Among the records below, find the line that has "#21=IFCINDEXEDPOLYGONALFACE((1,5,6,2));"; from there, give the lines again exactly, and stop after the line that has "#28=IFCSHAPEREPRESENTATION(#27,'Body','Tessellation',(#26));".

── Records

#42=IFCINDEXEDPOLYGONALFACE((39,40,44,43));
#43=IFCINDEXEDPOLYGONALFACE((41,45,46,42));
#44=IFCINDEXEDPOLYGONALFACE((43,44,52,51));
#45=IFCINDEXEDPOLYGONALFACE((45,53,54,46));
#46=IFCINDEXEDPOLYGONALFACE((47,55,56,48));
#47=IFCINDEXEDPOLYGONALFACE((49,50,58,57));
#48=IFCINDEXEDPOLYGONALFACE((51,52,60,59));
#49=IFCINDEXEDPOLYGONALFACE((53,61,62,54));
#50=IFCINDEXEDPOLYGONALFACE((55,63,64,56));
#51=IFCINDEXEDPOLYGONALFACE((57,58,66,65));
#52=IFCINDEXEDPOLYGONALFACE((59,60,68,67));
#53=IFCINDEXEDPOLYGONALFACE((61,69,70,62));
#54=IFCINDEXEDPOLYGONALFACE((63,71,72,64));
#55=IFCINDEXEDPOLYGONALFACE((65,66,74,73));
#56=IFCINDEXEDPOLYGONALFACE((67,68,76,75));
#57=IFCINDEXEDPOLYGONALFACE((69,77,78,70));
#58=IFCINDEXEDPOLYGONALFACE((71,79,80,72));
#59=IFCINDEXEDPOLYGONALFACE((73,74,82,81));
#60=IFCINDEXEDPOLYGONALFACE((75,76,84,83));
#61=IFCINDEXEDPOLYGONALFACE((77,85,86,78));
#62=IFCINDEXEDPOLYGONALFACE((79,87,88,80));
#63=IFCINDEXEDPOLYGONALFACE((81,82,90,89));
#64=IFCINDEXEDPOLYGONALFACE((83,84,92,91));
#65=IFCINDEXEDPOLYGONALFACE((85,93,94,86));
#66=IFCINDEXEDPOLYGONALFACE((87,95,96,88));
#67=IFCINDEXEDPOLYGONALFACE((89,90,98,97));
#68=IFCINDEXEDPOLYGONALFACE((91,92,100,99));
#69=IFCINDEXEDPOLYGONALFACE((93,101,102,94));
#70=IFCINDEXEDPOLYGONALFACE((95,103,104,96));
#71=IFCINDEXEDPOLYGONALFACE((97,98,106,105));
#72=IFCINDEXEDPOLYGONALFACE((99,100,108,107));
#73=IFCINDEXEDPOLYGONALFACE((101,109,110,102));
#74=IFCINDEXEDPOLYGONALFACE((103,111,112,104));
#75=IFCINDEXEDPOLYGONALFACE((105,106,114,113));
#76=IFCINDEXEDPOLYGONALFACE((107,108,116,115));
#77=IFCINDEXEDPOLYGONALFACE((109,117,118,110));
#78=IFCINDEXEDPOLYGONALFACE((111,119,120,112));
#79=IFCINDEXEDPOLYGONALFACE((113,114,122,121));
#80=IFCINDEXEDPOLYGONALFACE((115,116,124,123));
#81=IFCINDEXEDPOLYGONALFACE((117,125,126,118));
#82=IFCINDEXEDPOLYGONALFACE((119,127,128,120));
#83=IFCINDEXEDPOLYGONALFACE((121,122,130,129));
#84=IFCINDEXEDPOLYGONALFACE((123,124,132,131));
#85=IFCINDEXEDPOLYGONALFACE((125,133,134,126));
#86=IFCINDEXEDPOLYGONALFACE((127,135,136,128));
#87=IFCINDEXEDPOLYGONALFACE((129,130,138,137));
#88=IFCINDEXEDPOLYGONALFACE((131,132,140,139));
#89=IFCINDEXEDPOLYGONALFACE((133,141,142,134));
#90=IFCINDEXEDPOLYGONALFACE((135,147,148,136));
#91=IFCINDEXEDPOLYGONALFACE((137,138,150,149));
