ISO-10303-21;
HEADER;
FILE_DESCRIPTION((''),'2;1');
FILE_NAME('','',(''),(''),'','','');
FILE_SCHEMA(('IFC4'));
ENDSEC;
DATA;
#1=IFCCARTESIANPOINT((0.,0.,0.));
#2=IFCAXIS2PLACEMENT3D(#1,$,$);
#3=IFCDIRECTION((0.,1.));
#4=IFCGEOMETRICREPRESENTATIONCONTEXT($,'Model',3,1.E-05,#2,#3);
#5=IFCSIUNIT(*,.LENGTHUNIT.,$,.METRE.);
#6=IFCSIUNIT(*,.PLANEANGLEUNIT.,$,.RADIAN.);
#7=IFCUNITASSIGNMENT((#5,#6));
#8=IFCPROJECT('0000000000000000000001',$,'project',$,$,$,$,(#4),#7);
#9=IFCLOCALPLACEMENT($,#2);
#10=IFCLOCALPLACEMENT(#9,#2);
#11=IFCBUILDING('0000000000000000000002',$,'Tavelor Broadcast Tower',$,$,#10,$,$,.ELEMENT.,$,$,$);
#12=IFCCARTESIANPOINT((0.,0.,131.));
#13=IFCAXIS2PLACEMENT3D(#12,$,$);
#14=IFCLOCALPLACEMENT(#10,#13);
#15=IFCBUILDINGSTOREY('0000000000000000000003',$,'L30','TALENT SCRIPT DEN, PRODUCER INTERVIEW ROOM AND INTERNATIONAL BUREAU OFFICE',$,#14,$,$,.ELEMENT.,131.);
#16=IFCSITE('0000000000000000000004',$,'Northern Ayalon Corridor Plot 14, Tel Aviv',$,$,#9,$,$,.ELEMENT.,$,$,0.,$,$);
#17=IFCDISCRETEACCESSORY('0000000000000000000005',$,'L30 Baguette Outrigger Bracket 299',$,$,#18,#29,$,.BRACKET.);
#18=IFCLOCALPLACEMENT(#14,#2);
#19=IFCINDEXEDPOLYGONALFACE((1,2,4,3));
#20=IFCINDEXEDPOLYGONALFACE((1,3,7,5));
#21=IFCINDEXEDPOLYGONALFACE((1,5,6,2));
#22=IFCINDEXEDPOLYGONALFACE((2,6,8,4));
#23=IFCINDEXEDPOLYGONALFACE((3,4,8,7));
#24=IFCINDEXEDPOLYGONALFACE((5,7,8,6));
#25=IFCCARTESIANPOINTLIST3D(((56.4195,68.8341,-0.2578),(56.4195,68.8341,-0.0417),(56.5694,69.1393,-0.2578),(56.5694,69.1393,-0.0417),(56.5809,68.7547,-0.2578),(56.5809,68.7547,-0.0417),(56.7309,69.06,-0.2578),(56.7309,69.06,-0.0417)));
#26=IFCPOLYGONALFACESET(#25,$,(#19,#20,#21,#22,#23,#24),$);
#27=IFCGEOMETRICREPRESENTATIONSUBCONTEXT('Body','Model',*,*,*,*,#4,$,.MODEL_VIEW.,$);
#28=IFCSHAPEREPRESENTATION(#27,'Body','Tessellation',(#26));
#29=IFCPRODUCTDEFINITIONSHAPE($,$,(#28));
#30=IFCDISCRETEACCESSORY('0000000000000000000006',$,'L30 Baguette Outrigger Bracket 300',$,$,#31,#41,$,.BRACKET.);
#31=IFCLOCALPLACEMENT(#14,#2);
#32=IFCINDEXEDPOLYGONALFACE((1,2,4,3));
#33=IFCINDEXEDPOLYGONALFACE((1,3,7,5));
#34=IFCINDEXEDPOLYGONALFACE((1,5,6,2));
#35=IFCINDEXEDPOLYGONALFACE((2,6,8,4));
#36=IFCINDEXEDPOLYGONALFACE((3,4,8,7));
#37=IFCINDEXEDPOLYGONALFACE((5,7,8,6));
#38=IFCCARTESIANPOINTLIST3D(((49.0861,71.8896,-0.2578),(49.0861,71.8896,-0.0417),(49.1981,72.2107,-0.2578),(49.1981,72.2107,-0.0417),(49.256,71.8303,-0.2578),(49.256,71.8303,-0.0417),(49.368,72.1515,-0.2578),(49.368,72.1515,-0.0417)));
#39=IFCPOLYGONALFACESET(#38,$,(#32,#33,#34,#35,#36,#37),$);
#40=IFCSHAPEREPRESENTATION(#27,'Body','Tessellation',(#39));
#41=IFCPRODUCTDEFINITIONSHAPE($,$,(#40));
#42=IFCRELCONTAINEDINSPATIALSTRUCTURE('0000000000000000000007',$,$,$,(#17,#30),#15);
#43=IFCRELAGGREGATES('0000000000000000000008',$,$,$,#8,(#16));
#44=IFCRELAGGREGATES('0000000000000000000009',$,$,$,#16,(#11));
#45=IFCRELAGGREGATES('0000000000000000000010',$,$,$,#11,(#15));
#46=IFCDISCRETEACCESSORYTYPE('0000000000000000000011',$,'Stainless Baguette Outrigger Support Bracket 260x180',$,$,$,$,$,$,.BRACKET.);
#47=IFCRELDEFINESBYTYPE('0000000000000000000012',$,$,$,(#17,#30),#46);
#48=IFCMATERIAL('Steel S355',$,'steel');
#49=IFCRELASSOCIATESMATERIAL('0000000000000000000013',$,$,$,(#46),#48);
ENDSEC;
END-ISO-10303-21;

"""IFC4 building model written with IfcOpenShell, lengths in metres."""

from ifc_helpers import new_model, si_unit, direction, frame, origin, origin_2d, place, context, subcontext, project, spatial, rectangle, extrude, source, transform, mapped, material, type_object, type_shapes, element, save


model = new_model("IFC4")

# Units and contexts
model_context = context("Model", 3, precision=1e-05, world=origin(), true_north=direction((0.0, 1.0)))
body_context = subcontext(model_context, "Body", "Model", "MODEL_VIEW")
ifc_project = project(units=[si_unit("LENGTHUNIT", "METRE"), si_unit("PLANEANGLEUNIT", "RADIAN")], contexts=[model_context])

# Site, building, storey
site_placement = place(None, origin())
site = spatial("IfcSite", under=ifc_project, at=site_placement, Name="Northern Ayalon Corridor Plot 14, Tel Aviv", CompositionType="ELEMENT", RefElevation=0.0)
building_placement = place(site_placement, origin())
building = spatial("IfcBuilding", under=site, at=building_placement, Name="Tavelor Broadcast Tower", CompositionType="ELEMENT")
storey_placement = place(building_placement, frame((0.0, 0.0, 131.0)))
storey = spatial("IfcBuildingStorey", under=building, at=storey_placement, Name="L30", Description="TALENT SCRIPT DEN, PRODUCER INTERVIEW ROOM AND INTERNATIONAL BUREAU OFFICE", CompositionType="ELEMENT", Elevation=131.0)

# Shared definitions
ifc_material_1 = material(Name="Steel S355", Category="steel")

# Discrete accessories
discrete_accessory_type = type_object("IfcDiscreteAccessoryType", Name="Stainless Baguette Outrigger Support Bracket 260x180", PredefinedType="BRACKET", material=ifc_material_1)
shared_shape_1 = source(origin(), body_context, "Body", "SweptSolid", [
    extrude(rectangle(XDim=0.1799, YDim=0.3401, at=origin_2d()), origin(), (0.0, 0.0, 1.0), 0.2161),
])
type_shapes(discrete_accessory_type, [shared_shape_1])
for number, where, z_axis, x_axis, name in (
    (1, (56.5752, 68.947, -0.2578), (0.0, 0.0, 1.0), (-0.897489, 0.441036, 0.0), "L30 Baguette Outrigger Bracket 299"),
    (2, (49.2271, 72.0205, -0.2578), (0.0, 0.0, 1.0), (-0.944262, 0.329196, 0.0), "L30 Baguette Outrigger Bracket 300"),
):
    element("IfcDiscreteAccessory", number, at=place(storey_placement, frame(where, z_axis=z_axis, x_axis=x_axis)), inside=storey, type_object=discrete_accessory_type, Name=name, PredefinedType="BRACKET", context=body_context, shape_type="MappedRepresentation", body=[
        mapped(shared_shape_1, transform((0.0, 0.0, 0.0), scale=1.0)),
    ])

save(model, "model.ifc")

────

Answer box:
#21=IFCINDEXEDPOLYGONALFACE((1,5,6,2));
#22=IFCINDEXEDPOLYGONALFACE((2,6,8,4));
#23=IFCINDEXEDPOLYGONALFACE((3,4,8,7));
#24=IFCINDEXEDPOLYGONALFACE((5,7,8,6));
#25=IFCCARTESIANPOINTLIST3D(((56.4195,68.8341,-0.2578),(56.4195,68.8341,-0.0417),(56.5694,69.1393,-0.2578),(56.5694,69.1393,-0.0417),(56.5809,68.7547,-0.2578),(56.5809,68.7547,-0.0417),(56.7309,69.06,-0.2578),(56.7309,69.06,-0.0417)));
#26=IFCPOLYGONALFACESET(#25,$,(#19,#20,#21,#22,#23,#24),$);
#27=IFCGEOMETRICREPRESENTATIONSUBCONTEXT('Body','Model',*,*,*,*,#4,$,.MODEL_VIEW.,$);
#28=IFCSHAPEREPRESENTATION(#27,'Body','Tessellation',(#26));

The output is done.